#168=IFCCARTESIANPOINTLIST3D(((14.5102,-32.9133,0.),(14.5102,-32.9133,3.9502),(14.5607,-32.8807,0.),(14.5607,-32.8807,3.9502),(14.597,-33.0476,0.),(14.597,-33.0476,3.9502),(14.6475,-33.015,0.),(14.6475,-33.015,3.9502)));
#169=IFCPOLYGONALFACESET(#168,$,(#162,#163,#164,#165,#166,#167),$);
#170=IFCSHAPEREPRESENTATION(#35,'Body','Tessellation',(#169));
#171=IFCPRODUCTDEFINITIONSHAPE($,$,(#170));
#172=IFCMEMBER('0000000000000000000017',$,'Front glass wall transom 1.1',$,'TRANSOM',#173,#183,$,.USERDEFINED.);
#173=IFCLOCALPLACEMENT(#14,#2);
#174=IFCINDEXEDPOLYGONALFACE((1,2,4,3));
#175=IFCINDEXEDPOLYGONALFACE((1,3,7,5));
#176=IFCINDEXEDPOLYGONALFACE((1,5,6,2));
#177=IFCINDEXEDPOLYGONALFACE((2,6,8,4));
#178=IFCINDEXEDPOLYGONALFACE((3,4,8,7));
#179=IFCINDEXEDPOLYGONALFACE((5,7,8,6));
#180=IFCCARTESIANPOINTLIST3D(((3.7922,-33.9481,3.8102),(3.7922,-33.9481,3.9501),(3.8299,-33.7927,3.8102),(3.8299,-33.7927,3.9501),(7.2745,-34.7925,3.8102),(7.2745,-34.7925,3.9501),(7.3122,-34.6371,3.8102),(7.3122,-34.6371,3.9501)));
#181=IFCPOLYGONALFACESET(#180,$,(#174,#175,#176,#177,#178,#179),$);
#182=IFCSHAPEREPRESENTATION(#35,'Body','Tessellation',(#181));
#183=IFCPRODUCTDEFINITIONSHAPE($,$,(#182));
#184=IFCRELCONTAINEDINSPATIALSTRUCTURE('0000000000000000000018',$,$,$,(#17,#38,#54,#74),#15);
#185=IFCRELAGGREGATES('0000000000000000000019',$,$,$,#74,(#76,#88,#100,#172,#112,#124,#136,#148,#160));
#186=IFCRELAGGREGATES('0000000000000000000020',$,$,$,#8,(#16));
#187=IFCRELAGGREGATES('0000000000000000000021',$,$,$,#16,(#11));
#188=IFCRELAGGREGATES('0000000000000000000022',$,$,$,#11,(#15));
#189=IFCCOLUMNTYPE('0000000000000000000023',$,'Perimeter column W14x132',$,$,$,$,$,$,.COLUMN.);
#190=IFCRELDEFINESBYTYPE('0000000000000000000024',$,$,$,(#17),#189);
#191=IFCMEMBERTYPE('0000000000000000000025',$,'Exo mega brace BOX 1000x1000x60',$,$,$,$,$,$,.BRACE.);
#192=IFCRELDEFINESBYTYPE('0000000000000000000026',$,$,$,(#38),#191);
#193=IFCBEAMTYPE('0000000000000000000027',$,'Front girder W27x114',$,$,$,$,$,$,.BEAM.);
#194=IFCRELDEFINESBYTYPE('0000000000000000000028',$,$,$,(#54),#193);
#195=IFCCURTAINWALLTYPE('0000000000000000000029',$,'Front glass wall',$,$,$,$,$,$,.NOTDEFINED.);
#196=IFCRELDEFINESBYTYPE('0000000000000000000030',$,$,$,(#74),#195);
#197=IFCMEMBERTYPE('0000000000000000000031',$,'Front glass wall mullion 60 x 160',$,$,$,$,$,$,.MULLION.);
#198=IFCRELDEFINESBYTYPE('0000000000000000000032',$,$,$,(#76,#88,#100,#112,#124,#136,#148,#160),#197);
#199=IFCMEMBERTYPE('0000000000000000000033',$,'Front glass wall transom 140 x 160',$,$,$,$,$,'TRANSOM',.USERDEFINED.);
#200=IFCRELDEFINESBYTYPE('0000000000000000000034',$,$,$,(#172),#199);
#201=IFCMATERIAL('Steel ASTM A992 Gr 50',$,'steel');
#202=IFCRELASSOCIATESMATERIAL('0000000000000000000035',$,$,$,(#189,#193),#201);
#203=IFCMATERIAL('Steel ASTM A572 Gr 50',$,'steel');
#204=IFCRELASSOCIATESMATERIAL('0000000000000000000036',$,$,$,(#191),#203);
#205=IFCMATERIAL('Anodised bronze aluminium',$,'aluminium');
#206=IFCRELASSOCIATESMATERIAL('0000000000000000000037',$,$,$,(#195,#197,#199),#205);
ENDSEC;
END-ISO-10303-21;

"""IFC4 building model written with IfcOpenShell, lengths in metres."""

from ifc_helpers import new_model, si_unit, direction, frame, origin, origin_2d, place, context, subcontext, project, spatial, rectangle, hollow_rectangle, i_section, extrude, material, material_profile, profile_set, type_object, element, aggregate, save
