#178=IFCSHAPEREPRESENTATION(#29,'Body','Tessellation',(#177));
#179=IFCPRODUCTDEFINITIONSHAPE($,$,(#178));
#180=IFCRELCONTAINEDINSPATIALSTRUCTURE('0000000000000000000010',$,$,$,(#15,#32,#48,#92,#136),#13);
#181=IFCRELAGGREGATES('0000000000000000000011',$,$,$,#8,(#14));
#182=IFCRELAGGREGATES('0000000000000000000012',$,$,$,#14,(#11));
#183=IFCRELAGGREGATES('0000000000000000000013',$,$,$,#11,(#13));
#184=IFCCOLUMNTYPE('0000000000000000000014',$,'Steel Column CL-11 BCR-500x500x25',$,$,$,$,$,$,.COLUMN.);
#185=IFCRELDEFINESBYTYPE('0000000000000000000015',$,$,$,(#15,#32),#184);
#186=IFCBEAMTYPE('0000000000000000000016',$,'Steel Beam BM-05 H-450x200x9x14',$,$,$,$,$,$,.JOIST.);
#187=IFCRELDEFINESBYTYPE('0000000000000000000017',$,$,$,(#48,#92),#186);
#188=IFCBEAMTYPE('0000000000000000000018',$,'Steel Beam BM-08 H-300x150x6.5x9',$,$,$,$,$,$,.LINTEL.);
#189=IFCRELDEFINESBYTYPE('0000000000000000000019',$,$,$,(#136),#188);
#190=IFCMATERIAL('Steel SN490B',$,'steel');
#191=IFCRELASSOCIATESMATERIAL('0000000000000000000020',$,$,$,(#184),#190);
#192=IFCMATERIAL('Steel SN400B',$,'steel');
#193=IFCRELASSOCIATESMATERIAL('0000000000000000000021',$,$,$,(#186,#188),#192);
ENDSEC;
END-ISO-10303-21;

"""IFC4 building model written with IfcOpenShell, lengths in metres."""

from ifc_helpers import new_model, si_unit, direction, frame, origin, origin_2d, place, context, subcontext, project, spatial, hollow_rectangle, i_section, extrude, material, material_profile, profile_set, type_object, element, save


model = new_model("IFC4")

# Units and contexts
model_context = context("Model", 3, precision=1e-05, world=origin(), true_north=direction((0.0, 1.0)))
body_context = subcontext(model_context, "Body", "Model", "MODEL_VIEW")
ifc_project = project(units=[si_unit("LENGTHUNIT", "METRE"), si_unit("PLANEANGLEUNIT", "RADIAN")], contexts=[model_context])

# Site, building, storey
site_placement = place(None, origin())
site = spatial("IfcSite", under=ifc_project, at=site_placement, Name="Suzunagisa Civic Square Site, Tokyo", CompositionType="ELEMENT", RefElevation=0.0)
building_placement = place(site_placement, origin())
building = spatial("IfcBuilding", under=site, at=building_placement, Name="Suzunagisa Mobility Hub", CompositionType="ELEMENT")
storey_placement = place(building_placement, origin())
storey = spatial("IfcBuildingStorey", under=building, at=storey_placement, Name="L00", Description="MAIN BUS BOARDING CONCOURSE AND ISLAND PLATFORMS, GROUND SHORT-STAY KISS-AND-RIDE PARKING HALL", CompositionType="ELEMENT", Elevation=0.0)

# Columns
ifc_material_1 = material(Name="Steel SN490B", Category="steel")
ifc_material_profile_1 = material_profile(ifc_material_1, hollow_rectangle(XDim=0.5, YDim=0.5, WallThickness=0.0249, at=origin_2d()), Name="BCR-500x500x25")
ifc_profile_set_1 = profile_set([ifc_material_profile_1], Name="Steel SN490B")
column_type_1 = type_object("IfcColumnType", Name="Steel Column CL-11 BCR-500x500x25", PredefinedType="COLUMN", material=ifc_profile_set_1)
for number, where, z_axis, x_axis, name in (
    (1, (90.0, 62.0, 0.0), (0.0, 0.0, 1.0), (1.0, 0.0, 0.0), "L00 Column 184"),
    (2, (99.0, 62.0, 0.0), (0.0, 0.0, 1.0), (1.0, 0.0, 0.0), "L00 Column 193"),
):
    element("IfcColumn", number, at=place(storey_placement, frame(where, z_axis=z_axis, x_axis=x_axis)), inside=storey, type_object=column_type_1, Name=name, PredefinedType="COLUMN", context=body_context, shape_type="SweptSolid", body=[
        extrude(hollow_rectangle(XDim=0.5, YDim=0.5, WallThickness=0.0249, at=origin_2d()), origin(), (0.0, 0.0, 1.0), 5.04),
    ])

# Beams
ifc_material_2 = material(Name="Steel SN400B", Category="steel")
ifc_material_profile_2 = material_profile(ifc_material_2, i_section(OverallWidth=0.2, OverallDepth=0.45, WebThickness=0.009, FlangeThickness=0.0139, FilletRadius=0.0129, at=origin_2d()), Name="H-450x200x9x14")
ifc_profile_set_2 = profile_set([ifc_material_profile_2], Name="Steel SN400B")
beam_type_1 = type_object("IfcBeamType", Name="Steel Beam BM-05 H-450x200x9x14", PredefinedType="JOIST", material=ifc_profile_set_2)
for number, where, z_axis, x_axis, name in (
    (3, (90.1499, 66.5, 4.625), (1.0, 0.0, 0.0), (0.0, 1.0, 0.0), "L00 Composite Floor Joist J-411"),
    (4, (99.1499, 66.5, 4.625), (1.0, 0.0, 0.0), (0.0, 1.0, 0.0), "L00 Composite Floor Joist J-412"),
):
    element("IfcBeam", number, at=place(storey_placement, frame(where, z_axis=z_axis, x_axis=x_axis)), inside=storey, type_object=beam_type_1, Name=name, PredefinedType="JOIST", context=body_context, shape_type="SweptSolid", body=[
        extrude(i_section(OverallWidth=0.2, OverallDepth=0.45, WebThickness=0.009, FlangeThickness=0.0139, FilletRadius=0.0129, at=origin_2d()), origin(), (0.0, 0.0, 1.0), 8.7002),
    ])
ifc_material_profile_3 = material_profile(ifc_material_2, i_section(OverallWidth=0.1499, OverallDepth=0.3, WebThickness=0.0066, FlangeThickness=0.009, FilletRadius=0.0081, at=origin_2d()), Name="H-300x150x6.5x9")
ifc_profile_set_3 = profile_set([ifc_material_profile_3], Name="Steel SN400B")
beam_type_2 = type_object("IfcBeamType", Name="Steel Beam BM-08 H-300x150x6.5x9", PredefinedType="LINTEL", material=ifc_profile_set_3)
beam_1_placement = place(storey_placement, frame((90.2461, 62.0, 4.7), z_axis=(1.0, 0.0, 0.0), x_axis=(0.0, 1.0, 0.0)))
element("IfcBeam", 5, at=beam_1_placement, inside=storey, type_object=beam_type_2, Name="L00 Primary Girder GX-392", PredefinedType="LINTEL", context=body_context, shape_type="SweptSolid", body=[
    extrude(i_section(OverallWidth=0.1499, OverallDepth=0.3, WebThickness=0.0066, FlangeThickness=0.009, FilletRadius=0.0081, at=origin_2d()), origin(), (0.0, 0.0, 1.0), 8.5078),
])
---
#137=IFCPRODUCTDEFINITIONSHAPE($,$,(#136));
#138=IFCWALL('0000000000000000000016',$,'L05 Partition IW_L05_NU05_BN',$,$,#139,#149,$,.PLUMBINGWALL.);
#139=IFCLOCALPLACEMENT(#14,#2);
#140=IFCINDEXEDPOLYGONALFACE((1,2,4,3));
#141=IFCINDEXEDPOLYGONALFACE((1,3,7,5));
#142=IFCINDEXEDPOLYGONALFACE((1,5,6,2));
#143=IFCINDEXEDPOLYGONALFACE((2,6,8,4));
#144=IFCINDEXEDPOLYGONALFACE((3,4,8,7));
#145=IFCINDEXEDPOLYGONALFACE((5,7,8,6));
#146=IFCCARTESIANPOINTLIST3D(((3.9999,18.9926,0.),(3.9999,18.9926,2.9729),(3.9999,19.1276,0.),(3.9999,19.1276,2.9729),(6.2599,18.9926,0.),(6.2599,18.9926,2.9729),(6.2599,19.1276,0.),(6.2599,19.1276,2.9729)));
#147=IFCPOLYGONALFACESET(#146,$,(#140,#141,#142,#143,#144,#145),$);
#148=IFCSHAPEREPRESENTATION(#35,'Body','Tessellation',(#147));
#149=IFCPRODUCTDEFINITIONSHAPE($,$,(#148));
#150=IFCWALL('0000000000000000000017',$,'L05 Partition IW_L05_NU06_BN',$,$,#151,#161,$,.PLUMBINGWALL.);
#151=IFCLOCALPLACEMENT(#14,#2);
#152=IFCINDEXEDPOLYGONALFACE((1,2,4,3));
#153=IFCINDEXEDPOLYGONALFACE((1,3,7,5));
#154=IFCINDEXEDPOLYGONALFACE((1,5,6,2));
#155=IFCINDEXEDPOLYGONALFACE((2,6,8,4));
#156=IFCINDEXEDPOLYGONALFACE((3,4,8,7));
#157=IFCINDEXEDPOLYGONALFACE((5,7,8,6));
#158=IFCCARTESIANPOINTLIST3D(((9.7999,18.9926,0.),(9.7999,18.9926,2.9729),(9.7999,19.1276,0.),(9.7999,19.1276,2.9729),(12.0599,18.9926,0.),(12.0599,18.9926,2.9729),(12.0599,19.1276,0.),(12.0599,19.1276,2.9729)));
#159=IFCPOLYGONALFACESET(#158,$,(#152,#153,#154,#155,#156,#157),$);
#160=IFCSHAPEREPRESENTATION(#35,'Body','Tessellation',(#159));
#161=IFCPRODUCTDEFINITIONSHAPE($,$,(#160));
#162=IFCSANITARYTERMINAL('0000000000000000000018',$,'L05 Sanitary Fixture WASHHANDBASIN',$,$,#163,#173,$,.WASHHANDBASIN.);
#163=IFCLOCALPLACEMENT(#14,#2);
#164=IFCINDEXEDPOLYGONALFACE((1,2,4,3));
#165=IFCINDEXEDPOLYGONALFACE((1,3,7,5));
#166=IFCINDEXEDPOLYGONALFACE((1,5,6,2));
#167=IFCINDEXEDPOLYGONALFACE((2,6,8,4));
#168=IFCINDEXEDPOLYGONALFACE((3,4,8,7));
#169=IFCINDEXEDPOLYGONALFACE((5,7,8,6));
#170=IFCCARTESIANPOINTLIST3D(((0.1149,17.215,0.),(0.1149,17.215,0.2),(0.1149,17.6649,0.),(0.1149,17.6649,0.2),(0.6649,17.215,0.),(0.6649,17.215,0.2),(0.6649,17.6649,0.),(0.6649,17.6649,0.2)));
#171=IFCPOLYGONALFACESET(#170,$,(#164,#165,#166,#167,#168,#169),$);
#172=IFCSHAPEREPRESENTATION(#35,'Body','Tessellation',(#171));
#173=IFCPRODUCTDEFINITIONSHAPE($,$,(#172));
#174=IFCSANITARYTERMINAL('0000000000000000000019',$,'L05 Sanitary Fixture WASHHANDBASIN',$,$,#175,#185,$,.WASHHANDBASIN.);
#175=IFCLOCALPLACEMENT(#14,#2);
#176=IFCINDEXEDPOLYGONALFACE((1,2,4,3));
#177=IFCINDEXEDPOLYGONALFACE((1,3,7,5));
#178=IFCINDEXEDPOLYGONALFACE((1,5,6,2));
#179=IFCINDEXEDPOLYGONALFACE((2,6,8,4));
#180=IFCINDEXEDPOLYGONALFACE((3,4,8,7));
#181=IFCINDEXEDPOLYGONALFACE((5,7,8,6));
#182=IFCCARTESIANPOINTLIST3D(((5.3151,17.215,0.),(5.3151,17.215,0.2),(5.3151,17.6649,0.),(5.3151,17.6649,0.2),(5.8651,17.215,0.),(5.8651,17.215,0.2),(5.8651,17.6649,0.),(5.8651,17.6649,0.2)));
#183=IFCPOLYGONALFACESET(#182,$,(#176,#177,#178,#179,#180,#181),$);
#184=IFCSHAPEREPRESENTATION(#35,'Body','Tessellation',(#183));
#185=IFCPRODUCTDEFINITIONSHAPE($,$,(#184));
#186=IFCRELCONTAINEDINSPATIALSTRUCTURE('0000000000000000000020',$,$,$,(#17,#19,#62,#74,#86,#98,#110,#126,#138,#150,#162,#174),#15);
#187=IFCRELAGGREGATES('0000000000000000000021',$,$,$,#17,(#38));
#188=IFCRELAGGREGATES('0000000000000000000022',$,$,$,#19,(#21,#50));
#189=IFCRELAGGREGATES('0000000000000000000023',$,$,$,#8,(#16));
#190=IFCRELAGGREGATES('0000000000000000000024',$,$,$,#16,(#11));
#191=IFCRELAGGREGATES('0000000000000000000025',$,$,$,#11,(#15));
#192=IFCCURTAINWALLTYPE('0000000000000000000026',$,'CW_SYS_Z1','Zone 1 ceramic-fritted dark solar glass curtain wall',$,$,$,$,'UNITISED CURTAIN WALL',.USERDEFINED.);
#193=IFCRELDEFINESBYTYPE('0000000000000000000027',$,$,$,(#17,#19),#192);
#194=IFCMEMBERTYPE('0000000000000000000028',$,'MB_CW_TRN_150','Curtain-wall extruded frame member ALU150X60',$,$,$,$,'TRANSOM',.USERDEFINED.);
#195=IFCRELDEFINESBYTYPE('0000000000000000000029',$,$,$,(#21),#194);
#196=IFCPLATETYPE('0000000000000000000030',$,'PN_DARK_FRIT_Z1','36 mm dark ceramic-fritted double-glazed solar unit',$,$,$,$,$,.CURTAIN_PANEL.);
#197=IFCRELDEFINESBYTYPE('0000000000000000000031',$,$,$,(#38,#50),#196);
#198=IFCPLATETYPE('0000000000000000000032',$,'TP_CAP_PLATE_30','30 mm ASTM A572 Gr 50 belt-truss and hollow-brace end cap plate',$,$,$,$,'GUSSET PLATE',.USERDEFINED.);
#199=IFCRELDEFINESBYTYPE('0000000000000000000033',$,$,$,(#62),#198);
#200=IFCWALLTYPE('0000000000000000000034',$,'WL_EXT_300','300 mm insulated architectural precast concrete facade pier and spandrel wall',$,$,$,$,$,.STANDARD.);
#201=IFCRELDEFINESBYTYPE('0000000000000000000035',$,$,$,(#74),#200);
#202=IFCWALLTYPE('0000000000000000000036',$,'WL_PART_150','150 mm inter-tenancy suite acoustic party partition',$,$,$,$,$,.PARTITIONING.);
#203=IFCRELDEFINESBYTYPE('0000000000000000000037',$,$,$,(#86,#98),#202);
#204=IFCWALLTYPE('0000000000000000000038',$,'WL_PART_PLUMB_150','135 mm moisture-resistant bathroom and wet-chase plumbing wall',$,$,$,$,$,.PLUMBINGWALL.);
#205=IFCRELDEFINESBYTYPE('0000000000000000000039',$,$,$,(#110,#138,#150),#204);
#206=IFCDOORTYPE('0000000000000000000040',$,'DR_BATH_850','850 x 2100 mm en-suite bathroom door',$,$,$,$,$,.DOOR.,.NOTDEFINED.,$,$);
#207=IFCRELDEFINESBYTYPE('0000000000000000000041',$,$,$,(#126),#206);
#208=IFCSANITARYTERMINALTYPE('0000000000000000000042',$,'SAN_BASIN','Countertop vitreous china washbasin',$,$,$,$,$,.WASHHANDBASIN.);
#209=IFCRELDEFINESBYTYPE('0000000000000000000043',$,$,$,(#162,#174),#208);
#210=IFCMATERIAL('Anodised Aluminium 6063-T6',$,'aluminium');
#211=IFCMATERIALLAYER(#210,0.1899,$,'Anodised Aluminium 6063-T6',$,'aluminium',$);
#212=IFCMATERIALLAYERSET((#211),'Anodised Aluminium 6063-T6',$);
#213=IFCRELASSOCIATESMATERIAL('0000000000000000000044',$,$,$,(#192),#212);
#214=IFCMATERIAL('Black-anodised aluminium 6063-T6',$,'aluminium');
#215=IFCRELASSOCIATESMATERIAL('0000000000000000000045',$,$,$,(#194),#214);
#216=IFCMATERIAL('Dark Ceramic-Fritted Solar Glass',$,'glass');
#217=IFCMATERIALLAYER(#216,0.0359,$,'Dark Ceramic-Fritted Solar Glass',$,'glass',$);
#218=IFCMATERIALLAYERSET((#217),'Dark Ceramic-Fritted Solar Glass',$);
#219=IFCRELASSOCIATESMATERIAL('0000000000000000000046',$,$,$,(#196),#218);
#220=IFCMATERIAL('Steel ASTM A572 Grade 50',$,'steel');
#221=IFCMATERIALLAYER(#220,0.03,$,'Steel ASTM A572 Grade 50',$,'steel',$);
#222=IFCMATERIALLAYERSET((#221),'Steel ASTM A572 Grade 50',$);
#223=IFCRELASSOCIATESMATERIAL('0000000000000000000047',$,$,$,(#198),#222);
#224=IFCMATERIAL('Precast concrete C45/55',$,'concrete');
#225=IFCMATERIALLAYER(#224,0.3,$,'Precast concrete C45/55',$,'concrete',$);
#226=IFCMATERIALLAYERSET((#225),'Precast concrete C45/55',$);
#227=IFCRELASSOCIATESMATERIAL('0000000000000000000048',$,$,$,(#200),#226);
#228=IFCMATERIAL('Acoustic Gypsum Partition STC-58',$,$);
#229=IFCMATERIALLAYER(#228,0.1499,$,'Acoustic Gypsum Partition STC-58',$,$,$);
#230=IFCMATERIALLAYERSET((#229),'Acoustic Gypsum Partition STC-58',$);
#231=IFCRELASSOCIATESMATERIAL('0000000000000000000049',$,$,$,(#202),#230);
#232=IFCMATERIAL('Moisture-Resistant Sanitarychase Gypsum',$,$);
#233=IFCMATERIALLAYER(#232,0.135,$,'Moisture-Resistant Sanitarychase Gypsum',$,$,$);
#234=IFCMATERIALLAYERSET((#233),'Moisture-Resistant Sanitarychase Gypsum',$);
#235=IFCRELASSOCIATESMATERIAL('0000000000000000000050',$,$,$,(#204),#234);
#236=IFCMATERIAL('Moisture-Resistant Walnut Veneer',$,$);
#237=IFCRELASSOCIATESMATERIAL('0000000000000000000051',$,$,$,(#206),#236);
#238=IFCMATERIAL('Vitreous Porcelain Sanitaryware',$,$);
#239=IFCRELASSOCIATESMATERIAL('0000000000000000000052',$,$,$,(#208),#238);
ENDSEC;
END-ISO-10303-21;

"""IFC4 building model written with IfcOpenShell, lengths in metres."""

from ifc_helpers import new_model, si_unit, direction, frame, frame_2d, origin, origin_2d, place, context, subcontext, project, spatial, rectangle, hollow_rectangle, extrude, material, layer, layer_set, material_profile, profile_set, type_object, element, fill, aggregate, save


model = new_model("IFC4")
==
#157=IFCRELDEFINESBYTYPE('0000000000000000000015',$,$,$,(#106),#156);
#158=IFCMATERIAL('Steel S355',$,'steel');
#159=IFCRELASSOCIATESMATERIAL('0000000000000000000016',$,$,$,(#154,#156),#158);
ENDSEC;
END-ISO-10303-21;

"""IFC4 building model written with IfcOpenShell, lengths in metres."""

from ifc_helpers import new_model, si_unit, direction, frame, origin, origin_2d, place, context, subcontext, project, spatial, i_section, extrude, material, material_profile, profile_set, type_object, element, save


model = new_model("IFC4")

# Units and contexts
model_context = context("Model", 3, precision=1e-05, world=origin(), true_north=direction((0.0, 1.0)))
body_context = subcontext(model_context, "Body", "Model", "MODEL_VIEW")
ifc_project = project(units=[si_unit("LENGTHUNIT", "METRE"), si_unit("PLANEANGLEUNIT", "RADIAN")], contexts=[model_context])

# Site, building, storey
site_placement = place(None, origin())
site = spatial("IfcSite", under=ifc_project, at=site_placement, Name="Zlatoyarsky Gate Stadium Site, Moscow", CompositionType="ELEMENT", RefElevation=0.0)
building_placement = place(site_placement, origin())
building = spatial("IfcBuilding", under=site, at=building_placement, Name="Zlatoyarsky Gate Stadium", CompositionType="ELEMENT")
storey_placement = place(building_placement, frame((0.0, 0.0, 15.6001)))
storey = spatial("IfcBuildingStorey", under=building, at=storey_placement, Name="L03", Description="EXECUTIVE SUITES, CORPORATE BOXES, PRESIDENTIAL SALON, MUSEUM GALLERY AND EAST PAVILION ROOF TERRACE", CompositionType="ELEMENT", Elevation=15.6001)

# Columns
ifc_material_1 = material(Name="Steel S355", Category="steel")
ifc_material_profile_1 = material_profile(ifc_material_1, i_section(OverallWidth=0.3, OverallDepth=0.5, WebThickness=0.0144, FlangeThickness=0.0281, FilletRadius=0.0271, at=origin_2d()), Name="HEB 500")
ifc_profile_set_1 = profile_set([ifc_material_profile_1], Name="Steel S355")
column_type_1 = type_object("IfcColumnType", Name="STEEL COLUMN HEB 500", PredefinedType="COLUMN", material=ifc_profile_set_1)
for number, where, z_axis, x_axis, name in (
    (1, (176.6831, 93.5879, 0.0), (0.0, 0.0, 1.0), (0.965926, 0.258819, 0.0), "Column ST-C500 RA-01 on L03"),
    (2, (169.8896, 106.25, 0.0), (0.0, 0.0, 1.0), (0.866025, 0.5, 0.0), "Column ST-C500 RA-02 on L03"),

### [Try it]
The answer must consist of each line in the entries above that includes "SweptSolid".

### [Response to this task]
    element("IfcColumn", number, at=place(storey_placement, frame(where, z_axis=z_axis, x_axis=x_axis)), inside=storey, type_object=column_type_1, Name=name, PredefinedType="COLUMN", context=body_context, shape_type="SweptSolid", body=[
    element("IfcBeam", number, at=place(storey_placement, frame(where, z_axis=z_axis, x_axis=x_axis)), inside=storey, type_object=beam_type_1, Name=name, PredefinedType="JOIST", context=body_context, shape_type="SweptSolid", body=[
element("IfcBeam", 5, at=beam_1_placement, inside=storey, type_object=beam_type_2, Name="L00 Primary Girder GX-392", PredefinedType="LINTEL", context=body_context, shape_type="SweptSolid", body=[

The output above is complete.